[Stored data entries]
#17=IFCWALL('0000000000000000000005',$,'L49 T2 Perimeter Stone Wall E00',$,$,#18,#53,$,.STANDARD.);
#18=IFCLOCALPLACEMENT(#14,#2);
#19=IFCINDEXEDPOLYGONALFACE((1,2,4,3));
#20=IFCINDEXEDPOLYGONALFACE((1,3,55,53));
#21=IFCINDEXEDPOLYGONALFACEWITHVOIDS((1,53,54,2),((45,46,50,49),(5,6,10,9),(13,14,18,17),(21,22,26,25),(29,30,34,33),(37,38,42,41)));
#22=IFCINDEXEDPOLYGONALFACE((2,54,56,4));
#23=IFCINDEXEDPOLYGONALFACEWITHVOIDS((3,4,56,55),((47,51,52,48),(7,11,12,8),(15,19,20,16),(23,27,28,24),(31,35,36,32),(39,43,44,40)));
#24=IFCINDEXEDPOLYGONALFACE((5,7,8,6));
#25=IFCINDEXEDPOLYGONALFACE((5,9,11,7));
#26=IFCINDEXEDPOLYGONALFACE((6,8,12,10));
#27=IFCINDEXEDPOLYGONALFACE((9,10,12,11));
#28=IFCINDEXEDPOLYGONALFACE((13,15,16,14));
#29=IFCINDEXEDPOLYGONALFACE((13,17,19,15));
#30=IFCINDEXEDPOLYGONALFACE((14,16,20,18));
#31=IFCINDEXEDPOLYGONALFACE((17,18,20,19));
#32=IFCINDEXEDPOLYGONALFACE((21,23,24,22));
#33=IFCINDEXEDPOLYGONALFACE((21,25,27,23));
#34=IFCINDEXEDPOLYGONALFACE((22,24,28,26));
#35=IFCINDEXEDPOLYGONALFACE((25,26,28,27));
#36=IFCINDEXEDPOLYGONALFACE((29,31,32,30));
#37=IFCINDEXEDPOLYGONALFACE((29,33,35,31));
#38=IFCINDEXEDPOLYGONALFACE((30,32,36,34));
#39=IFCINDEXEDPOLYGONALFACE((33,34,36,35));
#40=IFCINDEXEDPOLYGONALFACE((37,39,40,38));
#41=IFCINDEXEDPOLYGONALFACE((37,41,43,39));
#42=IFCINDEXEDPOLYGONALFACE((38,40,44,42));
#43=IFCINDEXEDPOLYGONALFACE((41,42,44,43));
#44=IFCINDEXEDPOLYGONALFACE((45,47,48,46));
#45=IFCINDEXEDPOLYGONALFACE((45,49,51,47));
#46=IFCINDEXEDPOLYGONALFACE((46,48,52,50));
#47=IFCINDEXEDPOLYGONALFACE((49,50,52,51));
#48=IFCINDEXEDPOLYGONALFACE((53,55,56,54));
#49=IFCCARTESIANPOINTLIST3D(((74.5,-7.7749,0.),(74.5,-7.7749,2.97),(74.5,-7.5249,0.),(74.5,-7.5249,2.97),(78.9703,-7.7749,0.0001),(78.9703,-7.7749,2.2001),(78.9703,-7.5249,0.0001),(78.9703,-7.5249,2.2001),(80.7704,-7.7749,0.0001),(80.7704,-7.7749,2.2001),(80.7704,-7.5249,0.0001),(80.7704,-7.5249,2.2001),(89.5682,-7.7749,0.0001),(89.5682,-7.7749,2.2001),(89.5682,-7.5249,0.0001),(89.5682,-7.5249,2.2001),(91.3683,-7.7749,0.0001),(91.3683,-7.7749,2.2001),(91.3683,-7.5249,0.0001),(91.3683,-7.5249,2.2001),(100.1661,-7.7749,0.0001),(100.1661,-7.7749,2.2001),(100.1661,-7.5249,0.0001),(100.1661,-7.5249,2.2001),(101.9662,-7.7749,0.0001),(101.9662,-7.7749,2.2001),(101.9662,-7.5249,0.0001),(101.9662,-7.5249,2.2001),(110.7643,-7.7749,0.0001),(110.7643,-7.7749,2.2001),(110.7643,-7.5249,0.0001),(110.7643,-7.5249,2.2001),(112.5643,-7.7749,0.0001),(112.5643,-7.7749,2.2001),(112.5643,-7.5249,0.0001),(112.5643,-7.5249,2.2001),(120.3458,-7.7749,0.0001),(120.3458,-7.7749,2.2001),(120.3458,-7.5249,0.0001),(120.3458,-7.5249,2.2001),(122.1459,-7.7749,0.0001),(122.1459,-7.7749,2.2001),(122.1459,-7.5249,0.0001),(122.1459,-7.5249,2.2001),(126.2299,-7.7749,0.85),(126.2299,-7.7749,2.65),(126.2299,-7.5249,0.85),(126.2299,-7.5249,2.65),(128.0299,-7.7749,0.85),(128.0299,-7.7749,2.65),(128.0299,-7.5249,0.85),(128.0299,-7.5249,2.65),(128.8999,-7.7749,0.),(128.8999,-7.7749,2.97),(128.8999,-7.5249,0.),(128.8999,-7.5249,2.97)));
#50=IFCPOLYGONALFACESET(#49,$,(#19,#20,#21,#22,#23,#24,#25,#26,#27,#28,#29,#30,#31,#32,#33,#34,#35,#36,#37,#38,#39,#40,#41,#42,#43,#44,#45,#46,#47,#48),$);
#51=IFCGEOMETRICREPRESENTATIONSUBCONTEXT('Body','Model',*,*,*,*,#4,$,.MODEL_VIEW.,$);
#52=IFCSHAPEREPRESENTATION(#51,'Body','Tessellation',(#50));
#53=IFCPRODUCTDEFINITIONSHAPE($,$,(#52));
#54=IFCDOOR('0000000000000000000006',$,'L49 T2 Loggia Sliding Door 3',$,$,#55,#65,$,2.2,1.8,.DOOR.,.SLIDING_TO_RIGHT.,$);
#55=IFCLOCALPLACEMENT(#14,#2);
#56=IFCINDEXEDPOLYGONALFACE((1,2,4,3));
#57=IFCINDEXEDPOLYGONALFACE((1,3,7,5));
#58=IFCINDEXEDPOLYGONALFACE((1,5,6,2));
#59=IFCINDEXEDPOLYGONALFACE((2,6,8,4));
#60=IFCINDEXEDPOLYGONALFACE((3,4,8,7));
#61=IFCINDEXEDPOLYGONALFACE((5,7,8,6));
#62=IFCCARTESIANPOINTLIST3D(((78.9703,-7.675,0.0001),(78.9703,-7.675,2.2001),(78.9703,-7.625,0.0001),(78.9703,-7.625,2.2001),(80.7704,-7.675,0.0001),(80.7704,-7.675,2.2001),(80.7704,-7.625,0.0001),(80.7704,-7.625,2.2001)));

WORK TASK
Transcribe the records in full, so that each line reads exactly as before.

OUTPUT OF THE TASK
#17=IFCWALL('0000000000000000000005',$,'L49 T2 Perimeter Stone Wall E00',$,$,#18,#53,$,.STANDARD.);
#18=IFCLOCALPLACEMENT(#14,#2);
#19=IFCINDEXEDPOLYGONALFACE((1,2,4,3));
#20=IFCINDEXEDPOLYGONALFACE((1,3,55,53));
#21=IFCINDEXEDPOLYGONALFACEWITHVOIDS((1,53,54,2),((45,46,50,49),(5,6,10,9),(13,14,18,17),(21,22,26,25),(29,30,34,33),(37,38,42,41)));
#22=IFCINDEXEDPOLYGONALFACE((2,54,56,4));
#23=IFCINDEXEDPOLYGONALFACEWITHVOIDS((3,4,56,55),((47,51,52,48),(7,11,12,8),(15,19,20,16),(23,27,28,24),(31,35,36,32),(39,43,44,40)));
#24=IFCINDEXEDPOLYGONALFACE((5,7,8,6));
#25=IFCINDEXEDPOLYGONALFACE((5,9,11,7));
#26=IFCINDEXEDPOLYGONALFACE((6,8,12,10));
#27=IFCINDEXEDPOLYGONALFACE((9,10,12,11));
#28=IFCINDEXEDPOLYGONALFACE((13,15,16,14));
#29=IFCINDEXEDPOLYGONALFACE((13,17,19,15));
#30=IFCINDEXEDPOLYGONALFACE((14,16,20,18));
#31=IFCINDEXEDPOLYGONALFACE((17,18,20,19));
#32=IFCINDEXEDPOLYGONALFACE((21,23,24,22));
#33=IFCINDEXEDPOLYGONALFACE((21,25,27,23));
#34=IFCINDEXEDPOLYGONALFACE((22,24,28,26));
#35=IFCINDEXEDPOLYGONALFACE((25,26,28,27));
#36=IFCINDEXEDPOLYGONALFACE((29,31,32,30));
#37=IFCINDEXEDPOLYGONALFACE((29,33,35,31));
#38=IFCINDEXEDPOLYGONALFACE((30,32,36,34));
#39=IFCINDEXEDPOLYGONALFACE((33,34,36,35));
#40=IFCINDEXEDPOLYGONALFACE((37,39,40,38));
#41=IFCINDEXEDPOLYGONALFACE((37,41,43,39));
#42=IFCINDEXEDPOLYGONALFACE((38,40,44,42));
#43=IFCINDEXEDPOLYGONALFACE((41,42,44,43));
#44=IFCINDEXEDPOLYGONALFACE((45,47,48,46));
#45=IFCINDEXEDPOLYGONALFACE((45,49,51,47));
#46=IFCINDEXEDPOLYGONALFACE((46,48,52,50));
#47=IFCINDEXEDPOLYGONALFACE((49,50,52,51));
#48=IFCINDEXEDPOLYGONALFACE((53,55,56,54));
#49=IFCCARTESIANPOINTLIST3D(((74.5,-7.7749,0.),(74.5,-7.7749,2.97),(74.5,-7.5249,0.),(74.5,-7.5249,2.97),(78.9703,-7.7749,0.0001),(78.9703,-7.7749,2.2001),(78.9703,-7.5249,0.0001),(78.9703,-7.5249,2.2001),(80.7704,-7.7749,0.0001),(80.7704,-7.7749,2.2001),(80.7704,-7.5249,0.0001),(80.7704,-7.5249,2.2001),(89.5682,-7.7749,0.0001),(89.5682,-7.7749,2.2001),(89.5682,-7.5249,0.0001),(89.5682,-7.5249,2.2001),(91.3683,-7.7749,0.0001),(91.3683,-7.7749,2.2001),(91.3683,-7.5249,0.0001),(91.3683,-7.5249,2.2001),(100.1661,-7.7749,0.0001),(100.1661,-7.7749,2.2001),(100.1661,-7.5249,0.0001),(100.1661,-7.5249,2.2001),(101.9662,-7.7749,0.0001),(101.9662,-7.7749,2.2001),(101.9662,-7.5249,0.0001),(101.9662,-7.5249,2.2001),(110.7643,-7.7749,0.0001),(110.7643,-7.7749,2.2001),(110.7643,-7.5249,0.0001),(110.7643,-7.5249,2.2001),(112.5643,-7.7749,0.0001),(112.5643,-7.7749,2.2001),(112.5643,-7.5249,0.0001),(112.5643,-7.5249,2.2001),(120.3458,-7.7749,0.0001),(120.3458,-7.7749,2.2001),(120.3458,-7.5249,0.0001),(120.3458,-7.5249,2.2001),(122.1459,-7.7749,0.0001),(122.1459,-7.7749,2.2001),(122.1459,-7.5249,0.0001),(122.1459,-7.5249,2.2001),(126.2299,-7.7749,0.85),(126.2299,-7.7749,2.65),(126.2299,-7.5249,0.85),(126.2299,-7.5249,2.65),(128.0299,-7.7749,0.85),(128.0299,-7.7749,2.65),(128.0299,-7.5249,0.85),(128.0299,-7.5249,2.65),(128.8999,-7.7749,0.),(128.8999,-7.7749,2.97),(128.8999,-7.5249,0.),(128.8999,-7.5249,2.97)));
#50=IFCPOLYGONALFACESET(#49,$,(#19,#20,#21,#22,#23,#24,#25,#26,#27,#28,#29,#30,#31,#32,#33,#34,#35,#36,#37,#38,#39,#40,#41,#42,#43,#44,#45,#46,#47,#48),$);
#51=IFCGEOMETRICREPRESENTATIONSUBCONTEXT('Body','Model',*,*,*,*,#4,$,.MODEL_VIEW.,$);
#52=IFCSHAPEREPRESENTATION(#51,'Body','Tessellation',(#50));
#53=IFCPRODUCTDEFINITIONSHAPE($,$,(#52));
#54=IFCDOOR('0000000000000000000006',$,'L49 T2 Loggia Sliding Door 3',$,$,#55,#65,$,2.2,1.8,.DOOR.,.SLIDING_TO_RIGHT.,$);
#55=IFCLOCALPLACEMENT(#14,#2);
#56=IFCINDEXEDPOLYGONALFACE((1,2,4,3));
#57=IFCINDEXEDPOLYGONALFACE((1,3,7,5));
#58=IFCINDEXEDPOLYGONALFACE((1,5,6,2));
#59=IFCINDEXEDPOLYGONALFACE((2,6,8,4));
#60=IFCINDEXEDPOLYGONALFACE((3,4,8,7));
#61=IFCINDEXEDPOLYGONALFACE((5,7,8,6));
#62=IFCCARTESIANPOINTLIST3D(((78.9703,-7.675,0.0001),(78.9703,-7.675,2.2001),(78.9703,-7.625,0.0001),(78.9703,-7.625,2.2001),(80.7704,-7.675,0.0001),(80.7704,-7.675,2.2001),(80.7704,-7.625,0.0001),(80.7704,-7.625,2.2001)));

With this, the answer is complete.